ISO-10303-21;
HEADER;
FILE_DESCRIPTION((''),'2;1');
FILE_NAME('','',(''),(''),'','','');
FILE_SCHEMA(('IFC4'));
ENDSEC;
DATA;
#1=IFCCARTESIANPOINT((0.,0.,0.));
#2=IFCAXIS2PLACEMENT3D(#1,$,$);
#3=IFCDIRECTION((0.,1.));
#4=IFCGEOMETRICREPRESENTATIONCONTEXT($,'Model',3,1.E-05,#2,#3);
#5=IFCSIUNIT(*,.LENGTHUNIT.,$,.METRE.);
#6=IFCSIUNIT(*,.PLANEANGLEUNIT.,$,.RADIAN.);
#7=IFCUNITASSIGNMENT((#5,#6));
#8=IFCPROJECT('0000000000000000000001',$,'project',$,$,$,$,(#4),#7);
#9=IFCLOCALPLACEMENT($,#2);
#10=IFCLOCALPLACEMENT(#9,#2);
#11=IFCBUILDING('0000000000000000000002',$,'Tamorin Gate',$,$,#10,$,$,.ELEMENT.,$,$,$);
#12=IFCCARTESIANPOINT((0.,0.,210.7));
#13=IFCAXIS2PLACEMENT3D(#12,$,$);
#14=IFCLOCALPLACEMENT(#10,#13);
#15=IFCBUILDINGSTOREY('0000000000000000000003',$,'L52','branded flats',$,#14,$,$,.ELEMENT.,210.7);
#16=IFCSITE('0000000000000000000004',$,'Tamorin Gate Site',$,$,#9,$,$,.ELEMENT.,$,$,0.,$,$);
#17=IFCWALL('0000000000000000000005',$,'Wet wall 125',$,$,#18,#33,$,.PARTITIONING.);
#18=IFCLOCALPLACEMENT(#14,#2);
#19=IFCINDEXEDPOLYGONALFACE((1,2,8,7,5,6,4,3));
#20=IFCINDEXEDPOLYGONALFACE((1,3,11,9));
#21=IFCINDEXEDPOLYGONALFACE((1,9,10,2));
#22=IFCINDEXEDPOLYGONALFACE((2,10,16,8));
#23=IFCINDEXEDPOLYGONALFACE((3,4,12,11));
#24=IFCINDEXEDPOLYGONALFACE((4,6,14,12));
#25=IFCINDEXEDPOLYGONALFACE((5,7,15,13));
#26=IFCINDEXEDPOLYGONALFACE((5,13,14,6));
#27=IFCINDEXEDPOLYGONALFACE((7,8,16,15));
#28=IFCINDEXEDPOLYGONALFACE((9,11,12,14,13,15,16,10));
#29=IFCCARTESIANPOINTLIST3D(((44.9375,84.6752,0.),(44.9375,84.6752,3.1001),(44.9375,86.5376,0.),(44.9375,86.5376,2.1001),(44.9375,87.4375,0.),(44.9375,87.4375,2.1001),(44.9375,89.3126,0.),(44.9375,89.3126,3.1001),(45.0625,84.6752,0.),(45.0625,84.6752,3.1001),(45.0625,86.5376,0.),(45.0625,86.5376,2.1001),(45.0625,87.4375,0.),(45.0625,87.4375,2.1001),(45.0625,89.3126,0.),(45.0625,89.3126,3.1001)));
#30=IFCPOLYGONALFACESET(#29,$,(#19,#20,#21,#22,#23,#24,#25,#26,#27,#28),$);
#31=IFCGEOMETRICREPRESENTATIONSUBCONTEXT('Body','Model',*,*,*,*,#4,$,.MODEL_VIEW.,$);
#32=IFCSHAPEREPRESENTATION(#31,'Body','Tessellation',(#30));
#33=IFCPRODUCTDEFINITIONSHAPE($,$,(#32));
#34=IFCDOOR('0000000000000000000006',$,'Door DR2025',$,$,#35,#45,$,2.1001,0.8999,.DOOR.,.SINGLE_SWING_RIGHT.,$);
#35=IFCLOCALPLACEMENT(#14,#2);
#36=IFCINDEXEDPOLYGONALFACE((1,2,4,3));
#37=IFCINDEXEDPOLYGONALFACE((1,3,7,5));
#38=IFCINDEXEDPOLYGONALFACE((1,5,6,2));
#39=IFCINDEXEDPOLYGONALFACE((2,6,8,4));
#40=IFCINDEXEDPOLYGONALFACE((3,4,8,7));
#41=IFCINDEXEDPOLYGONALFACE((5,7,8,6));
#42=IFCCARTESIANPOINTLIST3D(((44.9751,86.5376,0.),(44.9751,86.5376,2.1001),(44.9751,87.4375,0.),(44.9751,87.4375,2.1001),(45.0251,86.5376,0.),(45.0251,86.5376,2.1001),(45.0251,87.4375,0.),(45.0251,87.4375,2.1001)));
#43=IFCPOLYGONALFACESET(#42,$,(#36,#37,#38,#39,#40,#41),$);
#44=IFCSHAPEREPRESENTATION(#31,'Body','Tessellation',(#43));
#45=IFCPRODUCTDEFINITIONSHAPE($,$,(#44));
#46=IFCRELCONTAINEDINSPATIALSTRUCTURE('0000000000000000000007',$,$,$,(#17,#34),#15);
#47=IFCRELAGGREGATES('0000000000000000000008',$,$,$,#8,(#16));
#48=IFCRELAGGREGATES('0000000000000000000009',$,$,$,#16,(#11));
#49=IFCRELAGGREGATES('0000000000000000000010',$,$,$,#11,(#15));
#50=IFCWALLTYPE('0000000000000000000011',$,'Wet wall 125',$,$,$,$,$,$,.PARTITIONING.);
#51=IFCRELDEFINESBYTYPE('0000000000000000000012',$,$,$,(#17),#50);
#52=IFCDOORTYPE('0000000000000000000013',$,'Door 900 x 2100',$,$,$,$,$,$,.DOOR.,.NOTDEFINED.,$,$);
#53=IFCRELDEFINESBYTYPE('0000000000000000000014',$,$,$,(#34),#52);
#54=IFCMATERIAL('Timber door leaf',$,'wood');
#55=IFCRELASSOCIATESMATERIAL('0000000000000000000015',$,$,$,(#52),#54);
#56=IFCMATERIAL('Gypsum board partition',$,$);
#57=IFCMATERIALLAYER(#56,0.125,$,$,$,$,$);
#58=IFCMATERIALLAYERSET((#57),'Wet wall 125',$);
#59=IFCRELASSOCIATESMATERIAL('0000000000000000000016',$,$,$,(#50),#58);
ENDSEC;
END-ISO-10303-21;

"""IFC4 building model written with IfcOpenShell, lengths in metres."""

from ifc_helpers import new_model, si_unit, direction, frame, frame_2d, origin, place, context, subcontext, project, spatial, rectangle, extrude, material, layer, layer_set, type_object, element, fill, save


model = new_model("IFC4")

# Units and contexts
model_context = context("Model", 3, precision=1e-05, world=origin(), true_north=direction((0.0, 1.0)))
body_context = subcontext(model_context, "Body", "Model", "MODEL_VIEW")
ifc_project = project(units=[si_unit("LENGTHUNIT", "METRE"), si_unit("PLANEANGLEUNIT", "RADIAN")], contexts=[model_context])

# Site, building, storey
site_placement = place(None, origin())
site = spatial("IfcSite", under=ifc_project, at=site_placement, Name="Tamorin Gate Site", CompositionType="ELEMENT", RefElevation=0.0)
building_placement = place(site_placement, origin())
building = spatial("IfcBuilding", under=site, at=building_placement, Name="Tamorin Gate", CompositionType="ELEMENT")
storey_placement = place(building_placement, frame((0.0, 0.0, 210.7)))
storey = spatial("IfcBuildingStorey", under=building, at=storey_placement, Name="L52", Description="branded flats", CompositionType="ELEMENT", Elevation=210.7)

# Shared definitions
ifc_material_1 = material(Name="Gypsum board partition")

# Shared definitions
ifc_material_2 = material(Name="Timber door leaf", Category="wood")
door_type = type_object("IfcDoorType", Name="Door 900 x 2100", OperationType="NOTDEFINED", PredefinedType="DOOR", material=ifc_material_2)

# Shared definitions
ifc_layer_1 = layer(ifc_material_1, 0.125)
ifc_layer_set_1 = layer_set([ifc_layer_1], Name="Wet wall 125")
wall_type_1 = type_object("IfcWallType", Name="Wet wall 125", PredefinedType="PARTITIONING", material=ifc_layer_set_1)

# Wall, opening, door
wall_1_placement = place(storey_placement, frame((45.0, 84.675, 0.0), z_axis=(0.0, 0.0, 1.0), x_axis=(0.0, 1.0, 0.0)))
wall_1 = element("IfcWall", 1, at=wall_1_placement, inside=storey, type_object=wall_type_1, Name="Wet wall 125", PredefinedType="PARTITIONING", context=body_context, shape_type="SweptSolid", body=[
    extrude(rectangle(XDim=4.6375, YDim=0.125, at=frame_2d((2.3188, 0.0))), origin(), (0.0, 0.0, 1.0), 3.1001),
])
opening_1_placement = place(wall_1_placement, frame((1.8625, 0.0, 0.0)))
opening_1 = element("IfcOpeningElement", 2, at=opening_1_placement, cuts=wall_1, PredefinedType="OPENING", context=body_context, shape_type="SweptSolid", body=[
    extrude(rectangle(XDim=0.8999, YDim=2.1001, at=frame_2d((0.45, 1.05))), frame((0.0, 0.0725, 0.0), z_axis=(0.0, -1.0, 0.0), x_axis=(1.0, 0.0, 0.0)), (0.0, 0.0, 1.0), 0.145),
])
door_1_placement = place(opening_1_placement, origin())
door_1 = element("IfcDoor", 3, at=door_1_placement, inside=storey, type_object=door_type, Name="Door DR2025", OperationType="SINGLE_SWING_RIGHT", OverallHeight=2.1001, OverallWidth=0.8999, PredefinedType="DOOR", context=body_context, shape_type="SweptSolid", body=[
    extrude(rectangle(XDim=0.8999, YDim=2.1001, at=frame_2d((0.45, 1.05))), frame((0.0, 0.0249, 0.0), z_axis=(0.0, -1.0, 0.0), x_axis=(1.0, 0.0, 0.0)), (0.0, 0.0, 1.0), 0.05),
])
fill(opening_1, door_1)

save(model, "model.ifc")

────────────────

In the listing above, locate the line containing "#44=IFCSHAPEREPRESENTATION(#31,'Body','Tessellation',(#43));" and the line containing "END-ISO-10303-21;", then transcribe both and every line between them verbatim.

# Response box
#44=IFCSHAPEREPRESENTATION(#31,'Body','Tessellation',(#43));
#45=IFCPRODUCTDEFINITIONSHAPE($,$,(#44));
#46=IFCRELCONTAINEDINSPATIALSTRUCTURE('0000000000000000000007',$,$,$,(#17,#34),#15);
#47=IFCRELAGGREGATES('0000000000000000000008',$,$,$,#8,(#16));
#48=IFCRELAGGREGATES('0000000000000000000009',$,$,$,#16,(#11));
#49=IFCRELAGGREGATES('0000000000000000000010',$,$,$,#11,(#15));
#50=IFCWALLTYPE('0000000000000000000011',$,'Wet wall 125',$,$,$,$,$,$,.PARTITIONING.);
#51=IFCRELDEFINESBYTYPE('0000000000000000000012',$,$,$,(#17),#50);
#52=IFCDOORTYPE('0000000000000000000013',$,'Door 900 x 2100',$,$,$,$,$,$,.DOOR.,.NOTDEFINED.,$,$);
#53=IFCRELDEFINESBYTYPE('0000000000000000000014',$,$,$,(#34),#52);
#54=IFCMATERIAL('Timber door leaf',$,'wood');
#55=IFCRELASSOCIATESMATERIAL('0000000000000000000015',$,$,$,(#52),#54);
#56=IFCMATERIAL('Gypsum board partition',$,$);
#57=IFCMATERIALLAYER(#56,0.125,$,$,$,$,$);
#58=IFCMATERIALLAYERSET((#57),'Wet wall 125',$);
#59=IFCRELASSOCIATESMATERIAL('0000000000000000000016',$,$,$,(#50),#58);
ENDSEC;
END-ISO-10303-21;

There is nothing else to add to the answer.